(Stored entries)
--

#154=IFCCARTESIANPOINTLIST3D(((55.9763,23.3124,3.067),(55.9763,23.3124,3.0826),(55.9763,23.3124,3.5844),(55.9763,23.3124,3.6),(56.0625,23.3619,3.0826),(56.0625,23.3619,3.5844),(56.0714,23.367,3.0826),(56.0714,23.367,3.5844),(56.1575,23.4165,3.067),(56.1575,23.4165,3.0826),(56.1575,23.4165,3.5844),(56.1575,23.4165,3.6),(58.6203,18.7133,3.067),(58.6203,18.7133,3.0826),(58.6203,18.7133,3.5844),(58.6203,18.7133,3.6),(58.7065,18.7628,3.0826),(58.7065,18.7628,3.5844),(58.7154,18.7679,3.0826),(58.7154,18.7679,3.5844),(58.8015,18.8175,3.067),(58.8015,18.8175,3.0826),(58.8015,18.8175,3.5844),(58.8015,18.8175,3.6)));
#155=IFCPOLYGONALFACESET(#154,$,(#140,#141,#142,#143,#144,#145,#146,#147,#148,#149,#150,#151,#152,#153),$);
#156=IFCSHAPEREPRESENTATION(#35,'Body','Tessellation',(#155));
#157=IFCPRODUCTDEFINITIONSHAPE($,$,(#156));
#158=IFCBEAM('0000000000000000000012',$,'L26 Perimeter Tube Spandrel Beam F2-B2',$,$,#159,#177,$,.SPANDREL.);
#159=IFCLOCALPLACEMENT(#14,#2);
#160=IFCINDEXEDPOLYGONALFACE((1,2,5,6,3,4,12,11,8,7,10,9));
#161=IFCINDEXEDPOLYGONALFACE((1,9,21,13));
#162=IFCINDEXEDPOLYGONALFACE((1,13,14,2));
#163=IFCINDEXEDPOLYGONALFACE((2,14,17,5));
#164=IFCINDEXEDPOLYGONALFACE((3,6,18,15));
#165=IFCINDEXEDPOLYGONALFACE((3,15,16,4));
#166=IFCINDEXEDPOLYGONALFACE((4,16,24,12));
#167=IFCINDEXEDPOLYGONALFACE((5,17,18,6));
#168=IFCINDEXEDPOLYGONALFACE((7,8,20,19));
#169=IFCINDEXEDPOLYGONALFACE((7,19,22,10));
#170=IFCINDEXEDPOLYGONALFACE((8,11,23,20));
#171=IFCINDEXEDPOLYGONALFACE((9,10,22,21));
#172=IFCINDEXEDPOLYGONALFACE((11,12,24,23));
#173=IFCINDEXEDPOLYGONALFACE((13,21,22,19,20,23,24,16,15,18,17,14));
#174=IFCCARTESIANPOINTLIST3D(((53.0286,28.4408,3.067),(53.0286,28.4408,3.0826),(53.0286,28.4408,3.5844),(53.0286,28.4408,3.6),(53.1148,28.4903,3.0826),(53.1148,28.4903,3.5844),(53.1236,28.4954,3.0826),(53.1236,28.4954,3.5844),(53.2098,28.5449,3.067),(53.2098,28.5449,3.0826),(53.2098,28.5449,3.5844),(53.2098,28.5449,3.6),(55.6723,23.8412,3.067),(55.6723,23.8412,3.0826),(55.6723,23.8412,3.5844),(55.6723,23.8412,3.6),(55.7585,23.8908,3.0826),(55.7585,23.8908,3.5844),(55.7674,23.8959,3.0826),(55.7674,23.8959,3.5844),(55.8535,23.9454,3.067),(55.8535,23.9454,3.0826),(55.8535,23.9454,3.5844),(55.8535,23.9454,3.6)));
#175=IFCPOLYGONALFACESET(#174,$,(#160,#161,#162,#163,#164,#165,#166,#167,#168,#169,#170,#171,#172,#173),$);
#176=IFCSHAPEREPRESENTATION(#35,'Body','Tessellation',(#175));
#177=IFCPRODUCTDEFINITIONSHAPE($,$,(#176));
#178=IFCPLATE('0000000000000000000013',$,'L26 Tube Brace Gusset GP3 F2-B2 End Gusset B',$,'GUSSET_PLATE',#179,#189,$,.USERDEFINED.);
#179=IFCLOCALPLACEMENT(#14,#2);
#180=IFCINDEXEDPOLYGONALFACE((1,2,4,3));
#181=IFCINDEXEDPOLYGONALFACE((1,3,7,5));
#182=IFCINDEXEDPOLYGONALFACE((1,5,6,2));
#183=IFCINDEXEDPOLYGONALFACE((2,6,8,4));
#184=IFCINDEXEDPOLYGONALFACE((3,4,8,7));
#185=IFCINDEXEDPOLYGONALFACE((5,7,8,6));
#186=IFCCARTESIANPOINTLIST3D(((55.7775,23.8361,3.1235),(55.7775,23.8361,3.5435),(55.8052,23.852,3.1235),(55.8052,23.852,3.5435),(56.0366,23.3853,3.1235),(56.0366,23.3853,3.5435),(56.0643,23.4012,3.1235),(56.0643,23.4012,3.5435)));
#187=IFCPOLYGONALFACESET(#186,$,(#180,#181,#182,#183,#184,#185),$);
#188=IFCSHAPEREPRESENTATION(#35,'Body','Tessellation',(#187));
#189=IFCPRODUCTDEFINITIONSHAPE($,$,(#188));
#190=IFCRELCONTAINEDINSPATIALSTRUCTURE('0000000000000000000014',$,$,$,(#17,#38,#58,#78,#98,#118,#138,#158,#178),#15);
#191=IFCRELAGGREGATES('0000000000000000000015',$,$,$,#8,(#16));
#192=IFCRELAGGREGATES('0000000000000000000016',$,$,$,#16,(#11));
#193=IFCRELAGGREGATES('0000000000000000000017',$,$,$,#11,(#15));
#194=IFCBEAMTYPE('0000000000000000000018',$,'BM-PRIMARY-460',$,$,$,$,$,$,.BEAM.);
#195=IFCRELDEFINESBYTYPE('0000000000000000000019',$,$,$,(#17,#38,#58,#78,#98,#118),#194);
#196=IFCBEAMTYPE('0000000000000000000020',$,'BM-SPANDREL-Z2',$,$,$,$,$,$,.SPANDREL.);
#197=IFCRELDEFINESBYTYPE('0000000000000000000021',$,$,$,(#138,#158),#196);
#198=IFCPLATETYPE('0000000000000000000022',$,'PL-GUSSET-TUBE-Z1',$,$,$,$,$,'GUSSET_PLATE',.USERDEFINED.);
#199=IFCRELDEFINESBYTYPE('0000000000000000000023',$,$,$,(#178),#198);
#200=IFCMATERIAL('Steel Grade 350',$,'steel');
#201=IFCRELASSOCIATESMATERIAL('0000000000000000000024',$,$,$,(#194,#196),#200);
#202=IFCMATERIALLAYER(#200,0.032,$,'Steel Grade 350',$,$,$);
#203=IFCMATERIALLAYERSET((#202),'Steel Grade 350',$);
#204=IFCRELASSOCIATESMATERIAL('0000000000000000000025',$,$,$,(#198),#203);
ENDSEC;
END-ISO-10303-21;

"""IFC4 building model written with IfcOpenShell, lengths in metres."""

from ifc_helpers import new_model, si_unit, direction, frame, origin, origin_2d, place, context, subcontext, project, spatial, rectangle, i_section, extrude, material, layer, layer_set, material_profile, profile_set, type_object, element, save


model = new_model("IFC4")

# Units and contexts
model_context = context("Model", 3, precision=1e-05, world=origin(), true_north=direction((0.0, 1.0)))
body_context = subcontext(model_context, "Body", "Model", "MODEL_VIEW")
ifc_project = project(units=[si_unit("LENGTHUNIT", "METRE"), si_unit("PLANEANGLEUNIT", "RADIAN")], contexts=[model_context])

--

* **EXERCISE DETAILS**:
In the lines above, find the word "contexts" and copy each line that contains it.

* **EXERCISE OUTPUT**:
# Units and contexts
ifc_project = project(units=[si_unit("LENGTHUNIT", "METRE"), si_unit("PLANEANGLEUNIT", "RADIAN")], contexts=[model_context])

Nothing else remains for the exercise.